Look below for the line that has "#116=IFCINDEXEDPOLYGONALFACE((14,16,52,50));". Set down the lines from there through the line that has "1500 RISER 171.9',$,$,$,$,$,$,.STRAIGHT.);", exactly as written.
--------------------------------------------------
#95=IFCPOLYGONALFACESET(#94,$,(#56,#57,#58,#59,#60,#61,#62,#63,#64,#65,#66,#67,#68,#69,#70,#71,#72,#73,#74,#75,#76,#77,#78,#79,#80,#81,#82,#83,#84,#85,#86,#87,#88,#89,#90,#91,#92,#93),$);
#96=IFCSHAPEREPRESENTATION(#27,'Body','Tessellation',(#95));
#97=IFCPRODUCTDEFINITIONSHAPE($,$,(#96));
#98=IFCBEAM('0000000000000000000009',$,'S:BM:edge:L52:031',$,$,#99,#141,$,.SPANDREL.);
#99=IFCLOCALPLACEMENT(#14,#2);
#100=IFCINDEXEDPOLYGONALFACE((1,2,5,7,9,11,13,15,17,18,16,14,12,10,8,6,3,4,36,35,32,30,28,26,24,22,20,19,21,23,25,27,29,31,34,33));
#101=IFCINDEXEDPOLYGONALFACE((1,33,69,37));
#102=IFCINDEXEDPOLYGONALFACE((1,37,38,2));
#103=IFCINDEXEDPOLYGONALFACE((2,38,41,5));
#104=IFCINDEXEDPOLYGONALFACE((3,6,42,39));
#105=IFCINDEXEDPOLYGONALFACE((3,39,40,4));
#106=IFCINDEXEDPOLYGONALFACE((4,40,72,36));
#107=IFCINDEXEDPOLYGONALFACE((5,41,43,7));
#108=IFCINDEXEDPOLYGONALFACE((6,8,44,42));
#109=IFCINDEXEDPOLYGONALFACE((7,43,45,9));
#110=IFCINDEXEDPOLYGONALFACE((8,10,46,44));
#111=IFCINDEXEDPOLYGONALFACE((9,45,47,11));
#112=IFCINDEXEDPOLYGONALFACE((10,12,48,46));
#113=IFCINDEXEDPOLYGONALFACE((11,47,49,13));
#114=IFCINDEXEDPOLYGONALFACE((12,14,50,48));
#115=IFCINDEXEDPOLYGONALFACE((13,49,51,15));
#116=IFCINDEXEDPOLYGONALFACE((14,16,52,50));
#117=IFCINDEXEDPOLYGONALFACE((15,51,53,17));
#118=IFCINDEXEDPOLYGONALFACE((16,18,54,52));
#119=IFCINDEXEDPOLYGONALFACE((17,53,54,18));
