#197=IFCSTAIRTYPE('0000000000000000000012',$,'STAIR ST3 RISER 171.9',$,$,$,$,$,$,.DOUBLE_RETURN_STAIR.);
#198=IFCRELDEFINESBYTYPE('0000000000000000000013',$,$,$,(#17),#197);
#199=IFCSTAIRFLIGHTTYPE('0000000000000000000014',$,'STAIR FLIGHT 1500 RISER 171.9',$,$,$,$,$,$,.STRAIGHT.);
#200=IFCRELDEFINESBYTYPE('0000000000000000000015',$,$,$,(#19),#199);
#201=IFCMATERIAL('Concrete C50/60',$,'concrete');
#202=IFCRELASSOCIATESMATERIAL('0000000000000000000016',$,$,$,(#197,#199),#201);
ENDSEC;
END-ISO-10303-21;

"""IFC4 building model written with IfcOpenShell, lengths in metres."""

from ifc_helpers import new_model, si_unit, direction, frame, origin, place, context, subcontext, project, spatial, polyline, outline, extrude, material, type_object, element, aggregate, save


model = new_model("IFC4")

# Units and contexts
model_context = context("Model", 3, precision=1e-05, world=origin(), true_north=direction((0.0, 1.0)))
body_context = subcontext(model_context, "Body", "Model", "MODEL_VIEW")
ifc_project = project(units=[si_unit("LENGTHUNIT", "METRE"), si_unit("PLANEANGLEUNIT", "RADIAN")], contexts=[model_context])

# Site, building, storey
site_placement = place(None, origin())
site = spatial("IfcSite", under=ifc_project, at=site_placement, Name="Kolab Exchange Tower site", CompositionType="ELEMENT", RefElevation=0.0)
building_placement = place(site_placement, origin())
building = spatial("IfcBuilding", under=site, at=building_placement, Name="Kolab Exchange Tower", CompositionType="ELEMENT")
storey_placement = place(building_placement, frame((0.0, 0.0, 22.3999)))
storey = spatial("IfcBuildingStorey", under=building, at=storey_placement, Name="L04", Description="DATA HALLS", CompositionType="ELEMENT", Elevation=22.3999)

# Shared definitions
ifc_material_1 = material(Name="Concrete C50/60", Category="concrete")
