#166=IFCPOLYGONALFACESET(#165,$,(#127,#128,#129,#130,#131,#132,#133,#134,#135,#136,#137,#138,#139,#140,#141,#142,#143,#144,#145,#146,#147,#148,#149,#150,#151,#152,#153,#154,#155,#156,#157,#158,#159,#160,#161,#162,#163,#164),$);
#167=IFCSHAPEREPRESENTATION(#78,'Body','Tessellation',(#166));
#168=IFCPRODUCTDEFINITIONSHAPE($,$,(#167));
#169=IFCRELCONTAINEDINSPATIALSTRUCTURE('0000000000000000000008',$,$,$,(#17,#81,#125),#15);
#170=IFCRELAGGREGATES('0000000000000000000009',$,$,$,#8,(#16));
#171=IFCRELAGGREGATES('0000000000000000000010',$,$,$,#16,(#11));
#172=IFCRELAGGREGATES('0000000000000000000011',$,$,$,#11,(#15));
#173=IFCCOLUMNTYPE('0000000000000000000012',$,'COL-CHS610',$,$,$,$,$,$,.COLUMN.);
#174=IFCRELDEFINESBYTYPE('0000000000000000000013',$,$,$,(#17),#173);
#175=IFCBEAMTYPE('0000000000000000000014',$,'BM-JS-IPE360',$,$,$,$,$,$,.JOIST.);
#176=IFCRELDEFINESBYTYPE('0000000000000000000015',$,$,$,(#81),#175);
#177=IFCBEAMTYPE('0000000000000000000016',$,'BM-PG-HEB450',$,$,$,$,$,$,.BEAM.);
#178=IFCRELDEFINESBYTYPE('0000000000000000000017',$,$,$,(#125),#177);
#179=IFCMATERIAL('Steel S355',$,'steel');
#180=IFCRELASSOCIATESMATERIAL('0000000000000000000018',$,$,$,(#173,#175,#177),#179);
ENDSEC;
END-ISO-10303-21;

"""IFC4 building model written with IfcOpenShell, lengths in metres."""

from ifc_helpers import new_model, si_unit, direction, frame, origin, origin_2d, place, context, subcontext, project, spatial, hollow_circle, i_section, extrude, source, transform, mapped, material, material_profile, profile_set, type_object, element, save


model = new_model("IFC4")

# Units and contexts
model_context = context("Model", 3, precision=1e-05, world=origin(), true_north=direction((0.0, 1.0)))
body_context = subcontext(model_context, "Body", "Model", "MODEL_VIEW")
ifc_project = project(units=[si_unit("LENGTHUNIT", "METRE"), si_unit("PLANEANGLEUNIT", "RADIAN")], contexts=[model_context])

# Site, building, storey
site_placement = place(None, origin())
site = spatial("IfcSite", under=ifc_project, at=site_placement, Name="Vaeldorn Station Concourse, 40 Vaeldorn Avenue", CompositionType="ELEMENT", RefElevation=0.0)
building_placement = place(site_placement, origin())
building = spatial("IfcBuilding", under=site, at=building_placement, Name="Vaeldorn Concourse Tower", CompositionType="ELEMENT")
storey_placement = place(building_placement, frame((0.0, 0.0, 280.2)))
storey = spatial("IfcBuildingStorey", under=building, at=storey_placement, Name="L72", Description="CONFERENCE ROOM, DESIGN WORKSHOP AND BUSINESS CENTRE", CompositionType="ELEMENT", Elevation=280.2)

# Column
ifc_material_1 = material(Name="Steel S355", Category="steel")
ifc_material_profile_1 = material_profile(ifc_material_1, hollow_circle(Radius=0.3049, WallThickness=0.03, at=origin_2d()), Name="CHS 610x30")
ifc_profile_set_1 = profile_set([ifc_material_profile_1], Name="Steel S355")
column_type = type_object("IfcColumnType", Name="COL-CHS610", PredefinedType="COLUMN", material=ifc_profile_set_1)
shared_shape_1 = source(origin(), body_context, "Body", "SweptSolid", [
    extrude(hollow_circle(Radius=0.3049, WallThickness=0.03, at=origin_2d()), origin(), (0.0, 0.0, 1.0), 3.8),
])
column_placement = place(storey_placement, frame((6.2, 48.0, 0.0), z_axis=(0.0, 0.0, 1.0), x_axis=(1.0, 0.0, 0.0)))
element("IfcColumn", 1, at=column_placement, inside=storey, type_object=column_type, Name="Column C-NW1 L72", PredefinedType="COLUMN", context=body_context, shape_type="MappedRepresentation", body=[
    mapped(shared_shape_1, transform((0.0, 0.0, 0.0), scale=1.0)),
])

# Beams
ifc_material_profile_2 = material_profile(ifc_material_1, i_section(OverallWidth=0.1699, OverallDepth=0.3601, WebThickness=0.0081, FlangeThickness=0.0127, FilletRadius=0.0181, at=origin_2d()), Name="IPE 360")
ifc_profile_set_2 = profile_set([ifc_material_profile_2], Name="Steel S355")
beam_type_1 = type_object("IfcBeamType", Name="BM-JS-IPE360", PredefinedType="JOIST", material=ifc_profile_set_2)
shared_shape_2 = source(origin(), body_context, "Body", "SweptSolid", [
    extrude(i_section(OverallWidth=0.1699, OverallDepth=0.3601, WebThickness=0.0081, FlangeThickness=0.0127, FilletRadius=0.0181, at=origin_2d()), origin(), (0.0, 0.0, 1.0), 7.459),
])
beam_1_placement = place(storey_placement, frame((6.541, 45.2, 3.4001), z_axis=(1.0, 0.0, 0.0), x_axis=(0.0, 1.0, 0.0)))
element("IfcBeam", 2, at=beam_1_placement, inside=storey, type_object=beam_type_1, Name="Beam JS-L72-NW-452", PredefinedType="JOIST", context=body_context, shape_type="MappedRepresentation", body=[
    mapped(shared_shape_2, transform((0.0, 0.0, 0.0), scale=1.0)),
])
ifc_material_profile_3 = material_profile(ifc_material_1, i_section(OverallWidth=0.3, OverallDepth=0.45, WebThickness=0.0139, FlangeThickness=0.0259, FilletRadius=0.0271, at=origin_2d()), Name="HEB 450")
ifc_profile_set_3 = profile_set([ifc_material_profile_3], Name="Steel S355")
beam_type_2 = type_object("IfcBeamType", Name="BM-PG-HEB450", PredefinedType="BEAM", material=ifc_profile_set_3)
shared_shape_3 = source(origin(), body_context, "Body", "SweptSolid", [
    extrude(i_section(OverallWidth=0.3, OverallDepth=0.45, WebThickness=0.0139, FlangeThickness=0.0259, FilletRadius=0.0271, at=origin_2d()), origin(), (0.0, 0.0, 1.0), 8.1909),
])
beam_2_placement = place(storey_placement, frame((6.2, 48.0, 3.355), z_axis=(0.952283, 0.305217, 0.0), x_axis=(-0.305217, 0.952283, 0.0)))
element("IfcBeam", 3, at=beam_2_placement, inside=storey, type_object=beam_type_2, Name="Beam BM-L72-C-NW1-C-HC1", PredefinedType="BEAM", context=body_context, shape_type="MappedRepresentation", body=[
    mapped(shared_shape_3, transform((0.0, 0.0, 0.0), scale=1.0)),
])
--------------------------------------------------
RESPONSE TO THIS EXERCISE:
#116=IFCINDEXEDPOLYGONALFACE((14,16,52,50));
#117=IFCINDEXEDPOLYGONALFACE((15,51,53,17));
#118=IFCINDEXEDPOLYGONALFACE((16,18,54,52));
#119=IFCINDEXEDPOLYGONALFACE((17,53,54,18));
#197=IFCSTAIRTYPE('0000000000000000000012',$,'STAIR ST3 RISER 171.9',$,$,$,$,$,$,.DOUBLE_RETURN_STAIR.);
#198=IFCRELDEFINESBYTYPE('0000000000000000000013',$,$,$,(#17),#197);
#199=IFCSTAIRFLIGHTTYPE('0000000000000000000014',$,'STAIR FLIGHT 1500 RISER 171.9',$,$,$,$,$,$,.STRAIGHT.);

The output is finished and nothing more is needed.